===== INPUT DATA =====

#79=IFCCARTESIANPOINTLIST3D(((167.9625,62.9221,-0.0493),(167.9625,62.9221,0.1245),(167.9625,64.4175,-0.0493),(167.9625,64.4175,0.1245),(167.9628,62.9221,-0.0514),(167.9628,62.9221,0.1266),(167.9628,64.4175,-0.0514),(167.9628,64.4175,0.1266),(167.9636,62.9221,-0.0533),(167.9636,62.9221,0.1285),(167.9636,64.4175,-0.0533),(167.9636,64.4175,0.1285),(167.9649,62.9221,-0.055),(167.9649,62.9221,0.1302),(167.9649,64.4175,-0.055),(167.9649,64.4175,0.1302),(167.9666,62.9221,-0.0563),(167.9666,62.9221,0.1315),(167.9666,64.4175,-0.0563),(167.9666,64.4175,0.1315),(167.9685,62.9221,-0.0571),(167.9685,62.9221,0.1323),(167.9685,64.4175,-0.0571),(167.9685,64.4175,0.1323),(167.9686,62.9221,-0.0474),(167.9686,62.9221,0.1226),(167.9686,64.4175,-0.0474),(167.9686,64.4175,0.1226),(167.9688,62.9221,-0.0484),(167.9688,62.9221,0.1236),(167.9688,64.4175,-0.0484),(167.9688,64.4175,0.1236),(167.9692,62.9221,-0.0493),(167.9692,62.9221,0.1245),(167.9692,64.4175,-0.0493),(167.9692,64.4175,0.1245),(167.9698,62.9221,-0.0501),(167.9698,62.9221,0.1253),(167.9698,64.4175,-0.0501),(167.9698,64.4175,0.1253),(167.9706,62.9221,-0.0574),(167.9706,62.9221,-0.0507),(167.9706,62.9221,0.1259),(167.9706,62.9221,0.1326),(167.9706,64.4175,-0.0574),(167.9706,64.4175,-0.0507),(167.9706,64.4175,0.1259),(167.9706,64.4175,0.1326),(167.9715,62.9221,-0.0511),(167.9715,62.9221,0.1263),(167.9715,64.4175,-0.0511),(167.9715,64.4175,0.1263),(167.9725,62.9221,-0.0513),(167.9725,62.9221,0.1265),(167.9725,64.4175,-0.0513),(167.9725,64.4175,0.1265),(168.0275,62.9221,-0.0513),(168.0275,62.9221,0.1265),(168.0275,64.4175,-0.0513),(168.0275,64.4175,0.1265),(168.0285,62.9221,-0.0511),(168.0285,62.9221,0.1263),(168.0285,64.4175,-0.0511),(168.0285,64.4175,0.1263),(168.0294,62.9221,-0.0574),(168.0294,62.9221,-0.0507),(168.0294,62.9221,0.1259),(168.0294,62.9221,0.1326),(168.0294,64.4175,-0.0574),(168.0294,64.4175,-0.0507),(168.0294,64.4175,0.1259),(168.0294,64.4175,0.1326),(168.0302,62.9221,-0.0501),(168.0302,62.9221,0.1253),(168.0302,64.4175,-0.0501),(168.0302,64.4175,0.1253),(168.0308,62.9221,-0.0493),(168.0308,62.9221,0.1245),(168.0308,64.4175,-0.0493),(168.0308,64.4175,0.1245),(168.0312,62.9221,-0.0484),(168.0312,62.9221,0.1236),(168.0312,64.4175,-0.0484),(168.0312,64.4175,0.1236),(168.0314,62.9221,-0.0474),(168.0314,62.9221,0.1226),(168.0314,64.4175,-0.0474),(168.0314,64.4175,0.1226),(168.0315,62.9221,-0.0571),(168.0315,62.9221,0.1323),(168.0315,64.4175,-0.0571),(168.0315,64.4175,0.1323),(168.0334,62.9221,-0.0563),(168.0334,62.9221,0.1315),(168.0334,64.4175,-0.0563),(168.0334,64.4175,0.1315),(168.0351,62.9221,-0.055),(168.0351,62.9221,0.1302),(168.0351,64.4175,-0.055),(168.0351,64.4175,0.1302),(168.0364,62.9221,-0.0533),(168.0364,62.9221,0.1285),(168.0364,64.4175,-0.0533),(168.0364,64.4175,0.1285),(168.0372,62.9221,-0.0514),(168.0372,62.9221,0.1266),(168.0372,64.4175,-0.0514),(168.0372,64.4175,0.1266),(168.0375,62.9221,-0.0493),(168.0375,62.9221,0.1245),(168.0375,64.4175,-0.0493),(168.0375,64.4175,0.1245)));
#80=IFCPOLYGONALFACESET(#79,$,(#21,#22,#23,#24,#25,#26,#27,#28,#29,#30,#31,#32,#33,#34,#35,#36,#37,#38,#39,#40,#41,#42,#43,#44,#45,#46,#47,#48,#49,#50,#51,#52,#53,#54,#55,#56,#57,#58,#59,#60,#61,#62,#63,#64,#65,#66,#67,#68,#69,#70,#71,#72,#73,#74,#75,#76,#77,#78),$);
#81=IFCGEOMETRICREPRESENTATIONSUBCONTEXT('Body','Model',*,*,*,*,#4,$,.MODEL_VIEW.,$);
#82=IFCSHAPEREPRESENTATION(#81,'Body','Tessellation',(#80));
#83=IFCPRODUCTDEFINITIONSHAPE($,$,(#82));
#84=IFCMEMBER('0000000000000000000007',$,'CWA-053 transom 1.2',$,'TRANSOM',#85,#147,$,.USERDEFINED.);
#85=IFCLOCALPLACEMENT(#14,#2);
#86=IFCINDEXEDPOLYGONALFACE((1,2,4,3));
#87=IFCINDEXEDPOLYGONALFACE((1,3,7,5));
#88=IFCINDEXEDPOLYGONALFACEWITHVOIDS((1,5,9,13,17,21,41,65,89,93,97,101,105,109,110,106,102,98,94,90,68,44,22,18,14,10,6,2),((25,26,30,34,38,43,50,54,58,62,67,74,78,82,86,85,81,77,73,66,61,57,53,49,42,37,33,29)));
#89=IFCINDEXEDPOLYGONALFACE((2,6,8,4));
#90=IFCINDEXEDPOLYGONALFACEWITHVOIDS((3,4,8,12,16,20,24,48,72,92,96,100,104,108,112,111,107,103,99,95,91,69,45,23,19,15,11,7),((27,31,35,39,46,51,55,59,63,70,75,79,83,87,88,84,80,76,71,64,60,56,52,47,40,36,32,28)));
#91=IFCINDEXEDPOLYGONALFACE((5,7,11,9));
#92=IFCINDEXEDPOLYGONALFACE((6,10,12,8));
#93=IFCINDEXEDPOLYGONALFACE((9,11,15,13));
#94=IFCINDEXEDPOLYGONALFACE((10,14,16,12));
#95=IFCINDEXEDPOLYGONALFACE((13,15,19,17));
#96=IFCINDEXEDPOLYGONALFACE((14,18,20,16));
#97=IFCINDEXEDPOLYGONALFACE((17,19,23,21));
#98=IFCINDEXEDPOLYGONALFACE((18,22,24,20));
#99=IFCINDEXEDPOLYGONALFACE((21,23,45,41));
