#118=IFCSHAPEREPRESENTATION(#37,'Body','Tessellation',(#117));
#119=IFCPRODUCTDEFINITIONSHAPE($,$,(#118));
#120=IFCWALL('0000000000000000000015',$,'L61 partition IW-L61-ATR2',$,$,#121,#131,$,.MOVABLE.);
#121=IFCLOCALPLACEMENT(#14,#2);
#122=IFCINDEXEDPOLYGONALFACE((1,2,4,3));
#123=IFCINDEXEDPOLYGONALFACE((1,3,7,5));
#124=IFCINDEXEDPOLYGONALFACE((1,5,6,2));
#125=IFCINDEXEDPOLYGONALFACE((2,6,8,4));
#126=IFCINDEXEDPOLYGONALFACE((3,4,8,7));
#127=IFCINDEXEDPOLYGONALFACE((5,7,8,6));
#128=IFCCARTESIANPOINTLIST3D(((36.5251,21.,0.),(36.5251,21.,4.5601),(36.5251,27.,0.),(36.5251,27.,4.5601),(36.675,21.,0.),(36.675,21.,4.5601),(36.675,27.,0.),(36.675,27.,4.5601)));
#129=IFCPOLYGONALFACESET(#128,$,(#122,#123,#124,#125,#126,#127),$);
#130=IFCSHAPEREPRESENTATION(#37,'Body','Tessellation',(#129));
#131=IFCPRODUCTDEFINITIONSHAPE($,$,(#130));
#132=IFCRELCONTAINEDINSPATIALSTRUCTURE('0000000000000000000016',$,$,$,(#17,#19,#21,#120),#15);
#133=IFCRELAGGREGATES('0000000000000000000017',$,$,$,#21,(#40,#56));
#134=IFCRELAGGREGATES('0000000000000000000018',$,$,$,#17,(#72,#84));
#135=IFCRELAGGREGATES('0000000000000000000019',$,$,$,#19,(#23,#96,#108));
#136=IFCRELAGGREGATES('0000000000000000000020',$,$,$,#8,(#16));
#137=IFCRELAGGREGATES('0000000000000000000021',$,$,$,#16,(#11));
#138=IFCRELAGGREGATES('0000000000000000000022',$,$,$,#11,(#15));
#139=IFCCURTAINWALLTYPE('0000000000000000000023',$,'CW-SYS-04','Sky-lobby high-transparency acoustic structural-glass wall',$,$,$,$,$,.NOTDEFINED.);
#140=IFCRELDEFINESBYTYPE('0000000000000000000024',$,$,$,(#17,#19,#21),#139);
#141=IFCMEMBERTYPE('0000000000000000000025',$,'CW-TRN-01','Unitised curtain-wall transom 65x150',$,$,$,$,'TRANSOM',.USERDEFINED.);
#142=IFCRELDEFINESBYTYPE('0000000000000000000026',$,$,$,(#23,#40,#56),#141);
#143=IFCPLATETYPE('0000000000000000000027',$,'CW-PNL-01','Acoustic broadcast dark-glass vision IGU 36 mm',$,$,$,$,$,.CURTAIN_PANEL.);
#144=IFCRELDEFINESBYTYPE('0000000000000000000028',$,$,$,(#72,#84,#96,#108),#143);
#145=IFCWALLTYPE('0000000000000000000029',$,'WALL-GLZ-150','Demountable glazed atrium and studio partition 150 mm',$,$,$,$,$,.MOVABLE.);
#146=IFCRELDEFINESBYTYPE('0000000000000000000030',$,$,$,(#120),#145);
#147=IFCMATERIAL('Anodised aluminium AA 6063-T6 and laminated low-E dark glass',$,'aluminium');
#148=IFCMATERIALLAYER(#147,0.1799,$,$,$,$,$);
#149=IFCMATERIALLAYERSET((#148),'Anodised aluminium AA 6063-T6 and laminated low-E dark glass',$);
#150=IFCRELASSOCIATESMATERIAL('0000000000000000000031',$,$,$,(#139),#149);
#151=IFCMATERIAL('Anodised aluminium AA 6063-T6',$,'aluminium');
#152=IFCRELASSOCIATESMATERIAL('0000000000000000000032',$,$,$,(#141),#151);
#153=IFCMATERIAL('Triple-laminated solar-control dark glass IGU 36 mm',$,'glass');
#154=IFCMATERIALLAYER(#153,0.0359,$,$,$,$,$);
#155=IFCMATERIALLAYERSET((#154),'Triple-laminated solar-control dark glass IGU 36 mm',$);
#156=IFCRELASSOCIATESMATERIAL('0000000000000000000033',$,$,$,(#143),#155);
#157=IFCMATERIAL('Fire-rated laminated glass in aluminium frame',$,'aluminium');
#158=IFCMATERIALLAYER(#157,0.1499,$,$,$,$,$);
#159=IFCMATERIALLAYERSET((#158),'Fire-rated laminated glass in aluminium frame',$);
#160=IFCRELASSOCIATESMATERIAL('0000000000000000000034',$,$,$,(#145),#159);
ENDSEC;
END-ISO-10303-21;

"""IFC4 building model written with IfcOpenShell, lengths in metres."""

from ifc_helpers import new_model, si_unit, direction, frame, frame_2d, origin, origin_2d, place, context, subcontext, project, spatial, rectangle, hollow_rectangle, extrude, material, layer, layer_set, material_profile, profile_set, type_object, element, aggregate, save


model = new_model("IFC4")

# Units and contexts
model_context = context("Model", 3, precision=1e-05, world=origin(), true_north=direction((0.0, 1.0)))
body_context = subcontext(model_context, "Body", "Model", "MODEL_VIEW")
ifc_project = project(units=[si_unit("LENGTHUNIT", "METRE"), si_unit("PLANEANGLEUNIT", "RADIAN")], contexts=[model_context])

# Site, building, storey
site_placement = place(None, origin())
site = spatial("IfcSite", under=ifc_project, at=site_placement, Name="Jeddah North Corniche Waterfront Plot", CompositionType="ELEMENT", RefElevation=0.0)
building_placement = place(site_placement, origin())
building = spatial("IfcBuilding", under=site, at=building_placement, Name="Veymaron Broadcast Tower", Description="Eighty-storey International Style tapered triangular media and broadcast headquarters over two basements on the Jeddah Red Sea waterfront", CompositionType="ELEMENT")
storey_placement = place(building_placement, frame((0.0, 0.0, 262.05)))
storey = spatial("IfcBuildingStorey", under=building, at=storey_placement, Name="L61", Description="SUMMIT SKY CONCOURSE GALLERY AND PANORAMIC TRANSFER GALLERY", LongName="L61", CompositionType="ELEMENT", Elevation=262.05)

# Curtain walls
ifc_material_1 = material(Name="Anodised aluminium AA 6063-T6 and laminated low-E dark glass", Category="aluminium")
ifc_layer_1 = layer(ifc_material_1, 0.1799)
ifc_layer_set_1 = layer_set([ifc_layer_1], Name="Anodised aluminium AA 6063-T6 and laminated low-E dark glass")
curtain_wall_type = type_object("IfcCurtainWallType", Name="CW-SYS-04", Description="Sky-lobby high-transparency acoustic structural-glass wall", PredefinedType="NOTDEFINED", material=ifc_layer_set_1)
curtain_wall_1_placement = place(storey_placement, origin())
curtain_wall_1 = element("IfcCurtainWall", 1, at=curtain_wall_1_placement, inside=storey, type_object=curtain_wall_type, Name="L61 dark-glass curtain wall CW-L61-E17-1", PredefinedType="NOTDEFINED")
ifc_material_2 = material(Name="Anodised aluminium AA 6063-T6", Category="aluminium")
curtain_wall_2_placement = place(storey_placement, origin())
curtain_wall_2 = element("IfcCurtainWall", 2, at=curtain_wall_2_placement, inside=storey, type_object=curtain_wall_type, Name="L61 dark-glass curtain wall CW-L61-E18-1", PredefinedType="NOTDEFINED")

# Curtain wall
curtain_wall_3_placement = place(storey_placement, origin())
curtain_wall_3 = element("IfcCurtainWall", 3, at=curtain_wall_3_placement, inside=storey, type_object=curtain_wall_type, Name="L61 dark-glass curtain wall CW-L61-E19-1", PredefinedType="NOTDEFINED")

=====

PROBLEM TO SOLVE
Show every line from the entries above in which "Body" appears.

RESPONSE TO THIS TASK
#81=IFCGEOMETRICREPRESENTATIONSUBCONTEXT('Body','Model',*,*,*,*,#4,$,.MODEL_VIEW.,$);
#82=IFCSHAPEREPRESENTATION(#81,'Body','Tessellation',(#80));
#118=IFCSHAPEREPRESENTATION(#37,'Body','Tessellation',(#117));
#130=IFCSHAPEREPRESENTATION(#37,'Body','Tessellation',(#129));
body_context = subcontext(model_context, "Body", "Model", "MODEL_VIEW")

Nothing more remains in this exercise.